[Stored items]
===============

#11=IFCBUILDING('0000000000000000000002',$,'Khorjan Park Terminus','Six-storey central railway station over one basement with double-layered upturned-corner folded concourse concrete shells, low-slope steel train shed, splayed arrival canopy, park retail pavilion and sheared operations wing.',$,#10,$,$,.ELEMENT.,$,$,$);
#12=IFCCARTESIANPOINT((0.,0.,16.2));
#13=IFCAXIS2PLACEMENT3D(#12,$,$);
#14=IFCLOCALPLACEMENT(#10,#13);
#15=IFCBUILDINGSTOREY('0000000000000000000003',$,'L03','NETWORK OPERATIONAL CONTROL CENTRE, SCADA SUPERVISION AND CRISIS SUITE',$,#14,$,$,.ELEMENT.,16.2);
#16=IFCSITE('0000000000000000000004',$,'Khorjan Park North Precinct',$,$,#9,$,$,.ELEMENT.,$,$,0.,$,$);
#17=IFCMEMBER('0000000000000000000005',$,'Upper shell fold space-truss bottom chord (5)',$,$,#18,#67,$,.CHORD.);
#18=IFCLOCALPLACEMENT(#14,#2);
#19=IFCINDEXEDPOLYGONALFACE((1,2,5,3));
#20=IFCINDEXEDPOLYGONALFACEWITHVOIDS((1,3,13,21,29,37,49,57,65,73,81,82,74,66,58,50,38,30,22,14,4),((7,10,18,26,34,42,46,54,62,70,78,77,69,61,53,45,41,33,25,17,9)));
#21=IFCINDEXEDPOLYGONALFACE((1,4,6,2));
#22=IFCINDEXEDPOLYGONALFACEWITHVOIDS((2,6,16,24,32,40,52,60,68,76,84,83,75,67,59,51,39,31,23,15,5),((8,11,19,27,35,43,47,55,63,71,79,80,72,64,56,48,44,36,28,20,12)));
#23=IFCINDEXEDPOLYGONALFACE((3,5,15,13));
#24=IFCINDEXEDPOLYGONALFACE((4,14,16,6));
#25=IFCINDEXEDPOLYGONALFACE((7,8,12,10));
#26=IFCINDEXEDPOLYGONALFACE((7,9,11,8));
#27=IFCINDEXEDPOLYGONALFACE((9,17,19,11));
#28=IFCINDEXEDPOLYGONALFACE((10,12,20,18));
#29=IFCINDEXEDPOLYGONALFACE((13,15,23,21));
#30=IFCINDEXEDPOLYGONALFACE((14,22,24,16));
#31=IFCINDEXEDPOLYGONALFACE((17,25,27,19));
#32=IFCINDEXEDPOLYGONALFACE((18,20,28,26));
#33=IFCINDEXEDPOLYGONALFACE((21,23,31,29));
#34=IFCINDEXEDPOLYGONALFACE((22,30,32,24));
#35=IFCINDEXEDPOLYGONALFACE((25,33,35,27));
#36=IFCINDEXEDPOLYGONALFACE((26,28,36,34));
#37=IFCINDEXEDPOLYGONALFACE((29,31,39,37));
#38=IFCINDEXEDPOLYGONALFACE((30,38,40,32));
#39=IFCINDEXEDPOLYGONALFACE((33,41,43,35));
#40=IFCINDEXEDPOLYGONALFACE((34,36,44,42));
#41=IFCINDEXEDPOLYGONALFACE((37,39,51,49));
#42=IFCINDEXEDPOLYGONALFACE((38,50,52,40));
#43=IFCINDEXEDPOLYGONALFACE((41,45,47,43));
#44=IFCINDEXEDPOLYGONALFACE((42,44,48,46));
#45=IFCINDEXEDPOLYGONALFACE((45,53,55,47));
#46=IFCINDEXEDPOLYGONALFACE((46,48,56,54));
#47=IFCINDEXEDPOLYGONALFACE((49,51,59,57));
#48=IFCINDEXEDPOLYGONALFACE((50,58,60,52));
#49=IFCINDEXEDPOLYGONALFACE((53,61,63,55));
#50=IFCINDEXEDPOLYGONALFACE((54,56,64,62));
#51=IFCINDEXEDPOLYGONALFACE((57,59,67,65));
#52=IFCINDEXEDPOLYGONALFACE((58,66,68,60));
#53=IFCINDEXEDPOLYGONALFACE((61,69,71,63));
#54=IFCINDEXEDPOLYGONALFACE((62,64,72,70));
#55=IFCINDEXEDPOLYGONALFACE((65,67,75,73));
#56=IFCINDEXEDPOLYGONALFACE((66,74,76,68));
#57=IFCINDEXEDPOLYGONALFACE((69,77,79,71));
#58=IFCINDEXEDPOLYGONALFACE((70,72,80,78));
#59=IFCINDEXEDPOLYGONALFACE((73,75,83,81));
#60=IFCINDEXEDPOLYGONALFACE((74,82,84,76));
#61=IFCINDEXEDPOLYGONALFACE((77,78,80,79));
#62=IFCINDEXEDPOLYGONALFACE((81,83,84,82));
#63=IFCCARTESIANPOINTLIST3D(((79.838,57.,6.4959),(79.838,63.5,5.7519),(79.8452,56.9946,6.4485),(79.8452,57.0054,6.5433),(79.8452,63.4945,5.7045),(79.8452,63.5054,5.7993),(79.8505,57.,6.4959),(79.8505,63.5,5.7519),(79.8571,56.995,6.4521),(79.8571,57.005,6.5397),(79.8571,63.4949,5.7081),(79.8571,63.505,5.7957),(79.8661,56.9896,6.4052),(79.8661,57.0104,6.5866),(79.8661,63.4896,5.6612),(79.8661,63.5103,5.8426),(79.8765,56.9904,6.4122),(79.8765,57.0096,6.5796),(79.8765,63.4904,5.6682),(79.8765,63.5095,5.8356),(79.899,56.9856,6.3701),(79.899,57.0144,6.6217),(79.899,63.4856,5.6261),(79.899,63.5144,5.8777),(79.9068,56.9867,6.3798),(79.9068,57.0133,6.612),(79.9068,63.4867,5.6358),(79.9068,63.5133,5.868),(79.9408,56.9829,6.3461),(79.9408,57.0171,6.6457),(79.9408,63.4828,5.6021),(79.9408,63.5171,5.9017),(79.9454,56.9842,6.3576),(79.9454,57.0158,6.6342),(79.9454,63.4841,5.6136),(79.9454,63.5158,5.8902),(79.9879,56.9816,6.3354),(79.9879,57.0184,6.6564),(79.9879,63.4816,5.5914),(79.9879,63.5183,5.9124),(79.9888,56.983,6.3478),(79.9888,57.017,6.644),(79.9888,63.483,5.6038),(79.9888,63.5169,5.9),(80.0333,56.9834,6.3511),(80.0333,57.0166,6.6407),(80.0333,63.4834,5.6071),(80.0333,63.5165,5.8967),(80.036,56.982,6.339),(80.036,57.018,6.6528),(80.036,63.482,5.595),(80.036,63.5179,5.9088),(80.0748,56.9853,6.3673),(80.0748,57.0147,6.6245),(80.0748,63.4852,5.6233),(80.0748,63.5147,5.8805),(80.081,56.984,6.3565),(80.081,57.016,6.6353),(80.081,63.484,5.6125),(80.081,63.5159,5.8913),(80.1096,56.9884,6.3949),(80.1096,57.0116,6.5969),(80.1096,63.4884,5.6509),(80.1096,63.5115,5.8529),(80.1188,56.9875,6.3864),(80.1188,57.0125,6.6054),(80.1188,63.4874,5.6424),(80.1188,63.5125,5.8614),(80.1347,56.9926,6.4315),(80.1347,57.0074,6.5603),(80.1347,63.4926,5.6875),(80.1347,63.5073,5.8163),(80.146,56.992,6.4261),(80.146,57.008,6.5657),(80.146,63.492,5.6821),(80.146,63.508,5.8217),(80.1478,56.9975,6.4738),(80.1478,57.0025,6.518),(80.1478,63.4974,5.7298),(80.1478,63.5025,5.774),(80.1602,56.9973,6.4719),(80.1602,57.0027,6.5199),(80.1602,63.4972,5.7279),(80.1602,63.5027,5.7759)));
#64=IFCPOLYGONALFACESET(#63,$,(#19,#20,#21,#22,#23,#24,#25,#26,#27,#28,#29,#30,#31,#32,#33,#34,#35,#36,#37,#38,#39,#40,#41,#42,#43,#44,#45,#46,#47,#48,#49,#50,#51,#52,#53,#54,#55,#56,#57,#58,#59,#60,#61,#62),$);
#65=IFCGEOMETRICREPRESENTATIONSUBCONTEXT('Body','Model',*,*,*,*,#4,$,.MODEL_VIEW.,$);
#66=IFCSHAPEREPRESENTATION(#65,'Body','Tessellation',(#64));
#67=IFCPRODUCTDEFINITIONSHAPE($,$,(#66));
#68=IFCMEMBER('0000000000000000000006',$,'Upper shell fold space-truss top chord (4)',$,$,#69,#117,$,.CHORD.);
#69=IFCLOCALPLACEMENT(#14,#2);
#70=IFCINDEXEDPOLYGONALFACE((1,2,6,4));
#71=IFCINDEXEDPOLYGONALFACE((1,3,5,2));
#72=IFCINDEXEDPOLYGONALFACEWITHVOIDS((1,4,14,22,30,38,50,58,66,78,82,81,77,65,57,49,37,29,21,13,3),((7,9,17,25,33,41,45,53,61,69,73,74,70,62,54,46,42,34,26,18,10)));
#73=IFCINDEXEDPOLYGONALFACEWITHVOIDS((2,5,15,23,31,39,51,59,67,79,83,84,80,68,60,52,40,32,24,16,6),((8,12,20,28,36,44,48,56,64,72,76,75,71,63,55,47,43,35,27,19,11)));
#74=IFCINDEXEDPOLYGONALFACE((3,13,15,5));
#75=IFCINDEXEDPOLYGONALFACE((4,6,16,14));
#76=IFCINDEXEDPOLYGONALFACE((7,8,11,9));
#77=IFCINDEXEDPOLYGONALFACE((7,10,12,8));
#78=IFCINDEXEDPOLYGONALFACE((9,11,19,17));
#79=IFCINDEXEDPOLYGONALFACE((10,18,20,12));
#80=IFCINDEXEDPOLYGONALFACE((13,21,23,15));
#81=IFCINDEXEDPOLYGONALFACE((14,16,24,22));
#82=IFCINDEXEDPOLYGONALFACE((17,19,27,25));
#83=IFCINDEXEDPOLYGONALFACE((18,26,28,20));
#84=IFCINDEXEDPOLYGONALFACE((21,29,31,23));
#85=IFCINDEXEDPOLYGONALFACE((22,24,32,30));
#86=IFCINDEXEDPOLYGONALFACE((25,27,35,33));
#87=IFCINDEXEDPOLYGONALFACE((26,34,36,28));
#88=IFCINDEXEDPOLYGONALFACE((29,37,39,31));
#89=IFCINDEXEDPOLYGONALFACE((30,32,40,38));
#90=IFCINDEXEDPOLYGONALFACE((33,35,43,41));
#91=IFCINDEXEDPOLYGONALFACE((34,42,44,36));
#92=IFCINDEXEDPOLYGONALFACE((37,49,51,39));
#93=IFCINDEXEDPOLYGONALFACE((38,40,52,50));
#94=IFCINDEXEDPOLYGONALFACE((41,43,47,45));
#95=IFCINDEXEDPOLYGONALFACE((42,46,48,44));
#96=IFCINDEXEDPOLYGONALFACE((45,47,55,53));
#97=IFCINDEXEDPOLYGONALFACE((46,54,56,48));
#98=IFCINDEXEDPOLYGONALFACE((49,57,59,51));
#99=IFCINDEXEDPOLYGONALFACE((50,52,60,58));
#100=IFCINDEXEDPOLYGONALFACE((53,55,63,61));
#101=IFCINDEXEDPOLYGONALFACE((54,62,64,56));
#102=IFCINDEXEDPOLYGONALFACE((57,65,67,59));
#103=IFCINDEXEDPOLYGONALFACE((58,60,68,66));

===============

**Your instructions**
Could you reproduce, exactly, every line above from the line with "#32=IFCINDEXEDPOLYGONALFACE((18,20,28,26));" to the line with "#37=IFCINDEXEDPOLYGONALFACE((29,31,39,37));", and no other line? Both ends count.

**Solved exercise**
#32=IFCINDEXEDPOLYGONALFACE((18,20,28,26));
#33=IFCINDEXEDPOLYGONALFACE((21,23,31,29));
#34=IFCINDEXEDPOLYGONALFACE((22,30,32,24));
#35=IFCINDEXEDPOLYGONALFACE((25,33,35,27));
#36=IFCINDEXEDPOLYGONALFACE((26,28,36,34));
#37=IFCINDEXEDPOLYGONALFACE((29,31,39,37));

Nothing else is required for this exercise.